• TASK PROMPT
Please show every line from the entries that carries the word "contexts".

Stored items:

****************

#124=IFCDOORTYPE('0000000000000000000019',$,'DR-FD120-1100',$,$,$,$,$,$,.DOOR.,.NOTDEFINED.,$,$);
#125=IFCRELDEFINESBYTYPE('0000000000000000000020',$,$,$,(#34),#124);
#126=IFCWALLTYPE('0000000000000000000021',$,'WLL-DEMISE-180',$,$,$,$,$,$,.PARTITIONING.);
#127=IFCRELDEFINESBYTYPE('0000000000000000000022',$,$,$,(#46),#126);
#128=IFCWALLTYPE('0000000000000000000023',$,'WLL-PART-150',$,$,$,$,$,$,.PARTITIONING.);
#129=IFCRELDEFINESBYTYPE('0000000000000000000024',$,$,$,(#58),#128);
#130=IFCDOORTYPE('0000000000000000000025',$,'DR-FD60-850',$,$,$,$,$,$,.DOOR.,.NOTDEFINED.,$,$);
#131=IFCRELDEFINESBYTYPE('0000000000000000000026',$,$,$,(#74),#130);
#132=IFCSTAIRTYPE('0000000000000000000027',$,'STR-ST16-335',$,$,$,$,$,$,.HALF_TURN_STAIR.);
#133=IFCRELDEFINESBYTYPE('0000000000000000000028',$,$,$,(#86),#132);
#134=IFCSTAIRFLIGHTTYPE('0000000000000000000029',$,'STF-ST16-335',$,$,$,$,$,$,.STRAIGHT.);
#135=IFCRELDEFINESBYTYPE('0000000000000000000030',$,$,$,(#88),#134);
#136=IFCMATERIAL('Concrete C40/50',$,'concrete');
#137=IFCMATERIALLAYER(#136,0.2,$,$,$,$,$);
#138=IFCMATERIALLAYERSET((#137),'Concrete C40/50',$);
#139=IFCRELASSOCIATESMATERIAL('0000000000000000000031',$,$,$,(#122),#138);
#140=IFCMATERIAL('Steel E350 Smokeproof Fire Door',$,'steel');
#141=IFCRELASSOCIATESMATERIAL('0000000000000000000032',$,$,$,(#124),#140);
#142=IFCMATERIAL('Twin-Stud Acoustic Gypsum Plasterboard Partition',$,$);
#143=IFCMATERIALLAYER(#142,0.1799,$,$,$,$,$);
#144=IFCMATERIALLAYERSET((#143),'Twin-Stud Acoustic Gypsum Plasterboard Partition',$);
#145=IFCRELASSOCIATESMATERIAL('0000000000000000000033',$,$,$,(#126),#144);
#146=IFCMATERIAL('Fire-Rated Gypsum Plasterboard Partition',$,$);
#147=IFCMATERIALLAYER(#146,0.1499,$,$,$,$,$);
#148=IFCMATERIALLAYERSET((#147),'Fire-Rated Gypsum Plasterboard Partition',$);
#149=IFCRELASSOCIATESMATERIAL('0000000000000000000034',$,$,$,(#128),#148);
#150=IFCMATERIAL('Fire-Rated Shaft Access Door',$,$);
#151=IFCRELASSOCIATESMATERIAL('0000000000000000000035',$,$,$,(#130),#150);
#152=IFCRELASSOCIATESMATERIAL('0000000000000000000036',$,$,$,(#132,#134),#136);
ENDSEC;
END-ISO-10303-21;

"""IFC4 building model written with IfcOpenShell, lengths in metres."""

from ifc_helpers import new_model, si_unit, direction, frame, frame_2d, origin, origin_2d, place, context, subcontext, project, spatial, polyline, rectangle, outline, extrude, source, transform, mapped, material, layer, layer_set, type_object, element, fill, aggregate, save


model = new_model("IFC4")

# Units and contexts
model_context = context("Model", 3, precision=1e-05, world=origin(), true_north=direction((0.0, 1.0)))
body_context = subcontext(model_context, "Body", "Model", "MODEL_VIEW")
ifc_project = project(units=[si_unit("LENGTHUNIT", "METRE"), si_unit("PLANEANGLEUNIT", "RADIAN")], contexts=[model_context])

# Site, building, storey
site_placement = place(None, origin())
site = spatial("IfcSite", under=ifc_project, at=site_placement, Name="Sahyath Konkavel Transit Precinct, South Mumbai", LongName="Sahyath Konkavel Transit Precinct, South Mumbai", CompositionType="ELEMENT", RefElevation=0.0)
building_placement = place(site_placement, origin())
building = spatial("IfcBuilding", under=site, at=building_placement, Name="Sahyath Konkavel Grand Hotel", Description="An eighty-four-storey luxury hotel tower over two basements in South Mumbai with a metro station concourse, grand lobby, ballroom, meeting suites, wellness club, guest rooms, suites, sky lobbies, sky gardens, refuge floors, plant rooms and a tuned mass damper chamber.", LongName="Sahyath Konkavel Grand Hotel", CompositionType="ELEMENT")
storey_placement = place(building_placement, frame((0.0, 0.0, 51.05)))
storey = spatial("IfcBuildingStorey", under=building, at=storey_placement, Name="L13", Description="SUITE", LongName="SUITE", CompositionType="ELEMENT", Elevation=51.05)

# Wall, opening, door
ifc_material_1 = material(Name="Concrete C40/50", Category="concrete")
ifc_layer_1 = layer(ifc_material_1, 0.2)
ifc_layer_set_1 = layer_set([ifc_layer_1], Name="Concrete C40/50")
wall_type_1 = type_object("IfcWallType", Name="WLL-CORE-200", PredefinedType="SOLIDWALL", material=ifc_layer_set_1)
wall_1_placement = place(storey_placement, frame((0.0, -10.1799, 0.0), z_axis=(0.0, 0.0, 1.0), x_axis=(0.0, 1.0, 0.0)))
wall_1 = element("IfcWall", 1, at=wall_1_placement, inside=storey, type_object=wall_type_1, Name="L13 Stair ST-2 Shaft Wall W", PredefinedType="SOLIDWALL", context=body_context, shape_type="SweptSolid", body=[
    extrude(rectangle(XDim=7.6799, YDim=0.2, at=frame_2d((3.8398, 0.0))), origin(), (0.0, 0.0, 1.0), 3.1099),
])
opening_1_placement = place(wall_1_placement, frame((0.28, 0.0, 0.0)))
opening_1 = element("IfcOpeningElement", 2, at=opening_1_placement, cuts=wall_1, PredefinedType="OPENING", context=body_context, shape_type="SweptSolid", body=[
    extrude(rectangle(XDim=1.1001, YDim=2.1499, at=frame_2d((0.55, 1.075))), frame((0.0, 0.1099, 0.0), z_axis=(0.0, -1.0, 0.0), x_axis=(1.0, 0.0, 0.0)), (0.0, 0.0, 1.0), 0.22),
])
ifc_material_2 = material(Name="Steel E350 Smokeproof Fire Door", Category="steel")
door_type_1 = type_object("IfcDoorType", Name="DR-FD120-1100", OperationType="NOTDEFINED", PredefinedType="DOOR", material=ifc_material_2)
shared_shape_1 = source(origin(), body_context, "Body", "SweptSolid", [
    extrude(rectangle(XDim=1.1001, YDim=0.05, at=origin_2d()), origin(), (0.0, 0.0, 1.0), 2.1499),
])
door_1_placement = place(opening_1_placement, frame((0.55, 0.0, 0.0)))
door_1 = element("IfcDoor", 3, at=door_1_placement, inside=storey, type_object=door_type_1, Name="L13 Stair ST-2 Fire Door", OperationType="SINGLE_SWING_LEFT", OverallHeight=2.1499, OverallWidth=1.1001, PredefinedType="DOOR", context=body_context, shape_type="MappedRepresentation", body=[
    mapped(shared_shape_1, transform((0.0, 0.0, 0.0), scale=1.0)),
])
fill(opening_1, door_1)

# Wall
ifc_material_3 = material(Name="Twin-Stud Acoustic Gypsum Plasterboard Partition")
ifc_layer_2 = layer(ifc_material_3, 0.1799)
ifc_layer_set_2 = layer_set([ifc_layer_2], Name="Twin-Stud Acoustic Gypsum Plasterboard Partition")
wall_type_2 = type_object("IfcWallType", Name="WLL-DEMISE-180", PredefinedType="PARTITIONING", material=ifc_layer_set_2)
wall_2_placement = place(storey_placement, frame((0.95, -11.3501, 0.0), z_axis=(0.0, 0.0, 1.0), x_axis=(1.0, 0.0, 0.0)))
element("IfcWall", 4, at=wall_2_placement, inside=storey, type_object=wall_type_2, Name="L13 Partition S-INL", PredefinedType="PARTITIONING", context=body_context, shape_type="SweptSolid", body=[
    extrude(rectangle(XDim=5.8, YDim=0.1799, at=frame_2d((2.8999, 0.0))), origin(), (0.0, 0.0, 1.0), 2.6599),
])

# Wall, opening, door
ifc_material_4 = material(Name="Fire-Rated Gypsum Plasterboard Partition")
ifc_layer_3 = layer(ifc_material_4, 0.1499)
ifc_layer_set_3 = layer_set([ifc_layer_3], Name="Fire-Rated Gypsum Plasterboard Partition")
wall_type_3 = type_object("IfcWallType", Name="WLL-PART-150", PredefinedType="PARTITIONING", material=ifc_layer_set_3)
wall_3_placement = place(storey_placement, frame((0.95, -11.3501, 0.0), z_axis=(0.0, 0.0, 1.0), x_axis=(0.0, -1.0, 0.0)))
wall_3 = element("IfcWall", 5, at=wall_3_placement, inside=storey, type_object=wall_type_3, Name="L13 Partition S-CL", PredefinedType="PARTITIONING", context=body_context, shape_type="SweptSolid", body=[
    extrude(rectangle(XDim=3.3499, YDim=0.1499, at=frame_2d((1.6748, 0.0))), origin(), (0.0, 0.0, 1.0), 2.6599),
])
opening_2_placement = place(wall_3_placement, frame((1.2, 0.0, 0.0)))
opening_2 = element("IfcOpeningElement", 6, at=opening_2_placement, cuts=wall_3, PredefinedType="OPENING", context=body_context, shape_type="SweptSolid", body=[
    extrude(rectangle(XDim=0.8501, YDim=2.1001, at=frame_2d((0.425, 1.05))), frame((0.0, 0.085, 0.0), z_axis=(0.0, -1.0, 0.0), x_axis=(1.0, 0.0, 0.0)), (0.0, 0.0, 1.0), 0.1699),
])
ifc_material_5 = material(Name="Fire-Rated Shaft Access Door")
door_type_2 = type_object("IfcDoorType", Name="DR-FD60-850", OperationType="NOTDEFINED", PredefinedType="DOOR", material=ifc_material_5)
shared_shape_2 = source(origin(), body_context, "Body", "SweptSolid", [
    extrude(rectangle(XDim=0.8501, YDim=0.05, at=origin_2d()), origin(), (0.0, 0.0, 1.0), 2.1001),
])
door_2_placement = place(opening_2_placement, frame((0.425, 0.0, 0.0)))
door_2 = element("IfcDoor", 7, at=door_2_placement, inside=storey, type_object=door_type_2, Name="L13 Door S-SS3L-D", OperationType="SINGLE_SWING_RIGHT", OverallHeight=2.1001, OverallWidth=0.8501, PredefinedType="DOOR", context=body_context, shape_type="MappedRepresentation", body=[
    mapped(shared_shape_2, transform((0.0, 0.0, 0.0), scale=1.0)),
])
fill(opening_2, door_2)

****************

• ANSWER FOR THIS EXERCISE
# Units and contexts
ifc_project = project(units=[si_unit("LENGTHUNIT", "METRE"), si_unit("PLANEANGLEUNIT", "RADIAN")], contexts=[model_context])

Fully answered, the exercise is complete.